__WHAT YOU ARE ASKED TO DO__
All entries below must be given again word for word.

---- EXTRACTED RECORDS

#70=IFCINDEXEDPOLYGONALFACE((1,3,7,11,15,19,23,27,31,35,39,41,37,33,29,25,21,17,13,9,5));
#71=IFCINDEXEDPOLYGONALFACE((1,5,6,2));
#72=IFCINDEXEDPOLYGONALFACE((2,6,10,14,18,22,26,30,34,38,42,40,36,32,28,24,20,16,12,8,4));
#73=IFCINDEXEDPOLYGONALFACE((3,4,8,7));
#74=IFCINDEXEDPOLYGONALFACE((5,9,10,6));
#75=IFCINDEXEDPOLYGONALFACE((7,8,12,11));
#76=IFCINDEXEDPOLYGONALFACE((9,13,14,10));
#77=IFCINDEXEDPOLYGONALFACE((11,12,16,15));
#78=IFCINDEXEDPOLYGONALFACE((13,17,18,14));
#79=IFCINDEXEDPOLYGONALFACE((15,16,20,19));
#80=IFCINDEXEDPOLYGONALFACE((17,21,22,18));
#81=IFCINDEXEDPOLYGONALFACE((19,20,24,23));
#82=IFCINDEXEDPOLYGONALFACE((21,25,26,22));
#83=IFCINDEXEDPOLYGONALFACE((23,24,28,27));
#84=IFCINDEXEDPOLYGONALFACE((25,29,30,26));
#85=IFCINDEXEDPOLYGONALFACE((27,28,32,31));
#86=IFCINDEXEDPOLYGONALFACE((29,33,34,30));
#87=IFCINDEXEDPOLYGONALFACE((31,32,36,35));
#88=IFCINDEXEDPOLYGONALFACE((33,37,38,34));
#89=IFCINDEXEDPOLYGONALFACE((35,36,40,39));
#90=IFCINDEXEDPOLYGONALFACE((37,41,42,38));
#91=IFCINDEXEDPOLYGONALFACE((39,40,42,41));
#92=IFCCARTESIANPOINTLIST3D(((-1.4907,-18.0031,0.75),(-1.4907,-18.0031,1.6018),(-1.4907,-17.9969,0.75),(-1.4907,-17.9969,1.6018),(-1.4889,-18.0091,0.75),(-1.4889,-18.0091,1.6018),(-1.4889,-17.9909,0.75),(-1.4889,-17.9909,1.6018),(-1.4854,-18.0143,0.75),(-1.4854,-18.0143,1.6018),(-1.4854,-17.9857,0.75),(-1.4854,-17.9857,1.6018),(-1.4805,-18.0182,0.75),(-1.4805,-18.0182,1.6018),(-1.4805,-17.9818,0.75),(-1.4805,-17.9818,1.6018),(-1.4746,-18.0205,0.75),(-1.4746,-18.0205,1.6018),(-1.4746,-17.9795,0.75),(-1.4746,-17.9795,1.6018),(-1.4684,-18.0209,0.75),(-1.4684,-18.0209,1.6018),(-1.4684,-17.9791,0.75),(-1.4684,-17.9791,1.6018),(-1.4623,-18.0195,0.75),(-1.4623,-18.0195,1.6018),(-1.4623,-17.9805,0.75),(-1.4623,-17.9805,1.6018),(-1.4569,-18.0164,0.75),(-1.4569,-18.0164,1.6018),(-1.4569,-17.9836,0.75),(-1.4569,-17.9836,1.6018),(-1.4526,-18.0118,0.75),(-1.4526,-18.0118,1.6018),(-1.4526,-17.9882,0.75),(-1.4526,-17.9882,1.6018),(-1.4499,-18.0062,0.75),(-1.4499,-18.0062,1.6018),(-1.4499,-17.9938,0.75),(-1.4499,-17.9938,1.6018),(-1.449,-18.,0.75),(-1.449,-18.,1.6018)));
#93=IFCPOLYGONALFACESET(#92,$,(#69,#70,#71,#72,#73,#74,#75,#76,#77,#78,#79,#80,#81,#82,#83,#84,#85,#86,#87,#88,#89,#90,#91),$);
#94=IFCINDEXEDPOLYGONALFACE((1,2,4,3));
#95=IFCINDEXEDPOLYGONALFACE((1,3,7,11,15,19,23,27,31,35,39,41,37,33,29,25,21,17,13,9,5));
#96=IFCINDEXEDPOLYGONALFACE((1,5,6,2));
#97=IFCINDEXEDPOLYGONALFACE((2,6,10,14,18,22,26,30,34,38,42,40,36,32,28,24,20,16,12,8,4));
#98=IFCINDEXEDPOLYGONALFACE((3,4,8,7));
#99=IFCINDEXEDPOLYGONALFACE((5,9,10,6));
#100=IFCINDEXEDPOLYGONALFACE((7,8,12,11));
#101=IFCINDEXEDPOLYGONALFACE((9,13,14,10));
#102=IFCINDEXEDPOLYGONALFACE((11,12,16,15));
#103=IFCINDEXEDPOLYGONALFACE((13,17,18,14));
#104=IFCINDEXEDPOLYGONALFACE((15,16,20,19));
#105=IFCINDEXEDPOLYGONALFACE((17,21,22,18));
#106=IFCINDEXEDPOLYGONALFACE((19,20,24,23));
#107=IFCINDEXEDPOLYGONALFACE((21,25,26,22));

--------

__EXERCISE RESPONSE__
#70=IFCINDEXEDPOLYGONALFACE((1,3,7,11,15,19,23,27,31,35,39,41,37,33,29,25,21,17,13,9,5));
#71=IFCINDEXEDPOLYGONALFACE((1,5,6,2));
#72=IFCINDEXEDPOLYGONALFACE((2,6,10,14,18,22,26,30,34,38,42,40,36,32,28,24,20,16,12,8,4));
#73=IFCINDEXEDPOLYGONALFACE((3,4,8,7));
#74=IFCINDEXEDPOLYGONALFACE((5,9,10,6));
#75=IFCINDEXEDPOLYGONALFACE((7,8,12,11));
#76=IFCINDEXEDPOLYGONALFACE((9,13,14,10));
#77=IFCINDEXEDPOLYGONALFACE((11,12,16,15));
#78=IFCINDEXEDPOLYGONALFACE((13,17,18,14));
#79=IFCINDEXEDPOLYGONALFACE((15,16,20,19));
#80=IFCINDEXEDPOLYGONALFACE((17,21,22,18));
#81=IFCINDEXEDPOLYGONALFACE((19,20,24,23));
#82=IFCINDEXEDPOLYGONALFACE((21,25,26,22));
#83=IFCINDEXEDPOLYGONALFACE((23,24,28,27));
#84=IFCINDEXEDPOLYGONALFACE((25,29,30,26));
#85=IFCINDEXEDPOLYGONALFACE((27,28,32,31));
#86=IFCINDEXEDPOLYGONALFACE((29,33,34,30));
#87=IFCINDEXEDPOLYGONALFACE((31,32,36,35));
#88=IFCINDEXEDPOLYGONALFACE((33,37,38,34));
#89=IFCINDEXEDPOLYGONALFACE((35,36,40,39));
#90=IFCINDEXEDPOLYGONALFACE((37,41,42,38));
#91=IFCINDEXEDPOLYGONALFACE((39,40,42,41));
#92=IFCCARTESIANPOINTLIST3D(((-1.4907,-18.0031,0.75),(-1.4907,-18.0031,1.6018),(-1.4907,-17.9969,0.75),(-1.4907,-17.9969,1.6018),(-1.4889,-18.0091,0.75),(-1.4889,-18.0091,1.6018),(-1.4889,-17.9909,0.75),(-1.4889,-17.9909,1.6018),(-1.4854,-18.0143,0.75),(-1.4854,-18.0143,1.6018),(-1.4854,-17.9857,0.75),(-1.4854,-17.9857,1.6018),(-1.4805,-18.0182,0.75),(-1.4805,-18.0182,1.6018),(-1.4805,-17.9818,0.75),(-1.4805,-17.9818,1.6018),(-1.4746,-18.0205,0.75),(-1.4746,-18.0205,1.6018),(-1.4746,-17.9795,0.75),(-1.4746,-17.9795,1.6018),(-1.4684,-18.0209,0.75),(-1.4684,-18.0209,1.6018),(-1.4684,-17.9791,0.75),(-1.4684,-17.9791,1.6018),(-1.4623,-18.0195,0.75),(-1.4623,-18.0195,1.6018),(-1.4623,-17.9805,0.75),(-1.4623,-17.9805,1.6018),(-1.4569,-18.0164,0.75),(-1.4569,-18.0164,1.6018),(-1.4569,-17.9836,0.75),(-1.4569,-17.9836,1.6018),(-1.4526,-18.0118,0.75),(-1.4526,-18.0118,1.6018),(-1.4526,-17.9882,0.75),(-1.4526,-17.9882,1.6018),(-1.4499,-18.0062,0.75),(-1.4499,-18.0062,1.6018),(-1.4499,-17.9938,0.75),(-1.4499,-17.9938,1.6018),(-1.449,-18.,0.75),(-1.449,-18.,1.6018)));
#93=IFCPOLYGONALFACESET(#92,$,(#69,#70,#71,#72,#73,#74,#75,#76,#77,#78,#79,#80,#81,#82,#83,#84,#85,#86,#87,#88,#89,#90,#91),$);
#94=IFCINDEXEDPOLYGONALFACE((1,2,4,3));
#95=IFCINDEXEDPOLYGONALFACE((1,3,7,11,15,19,23,27,31,35,39,41,37,33,29,25,21,17,13,9,5));
#96=IFCINDEXEDPOLYGONALFACE((1,5,6,2));
#97=IFCINDEXEDPOLYGONALFACE((2,6,10,14,18,22,26,30,34,38,42,40,36,32,28,24,20,16,12,8,4));
#98=IFCINDEXEDPOLYGONALFACE((3,4,8,7));
#99=IFCINDEXEDPOLYGONALFACE((5,9,10,6));
#100=IFCINDEXEDPOLYGONALFACE((7,8,12,11));
#101=IFCINDEXEDPOLYGONALFACE((9,13,14,10));
#102=IFCINDEXEDPOLYGONALFACE((11,12,16,15));
#103=IFCINDEXEDPOLYGONALFACE((13,17,18,14));
#104=IFCINDEXEDPOLYGONALFACE((15,16,20,19));
#105=IFCINDEXEDPOLYGONALFACE((17,21,22,18));
#106=IFCINDEXEDPOLYGONALFACE((19,20,24,23));
#107=IFCINDEXEDPOLYGONALFACE((21,25,26,22));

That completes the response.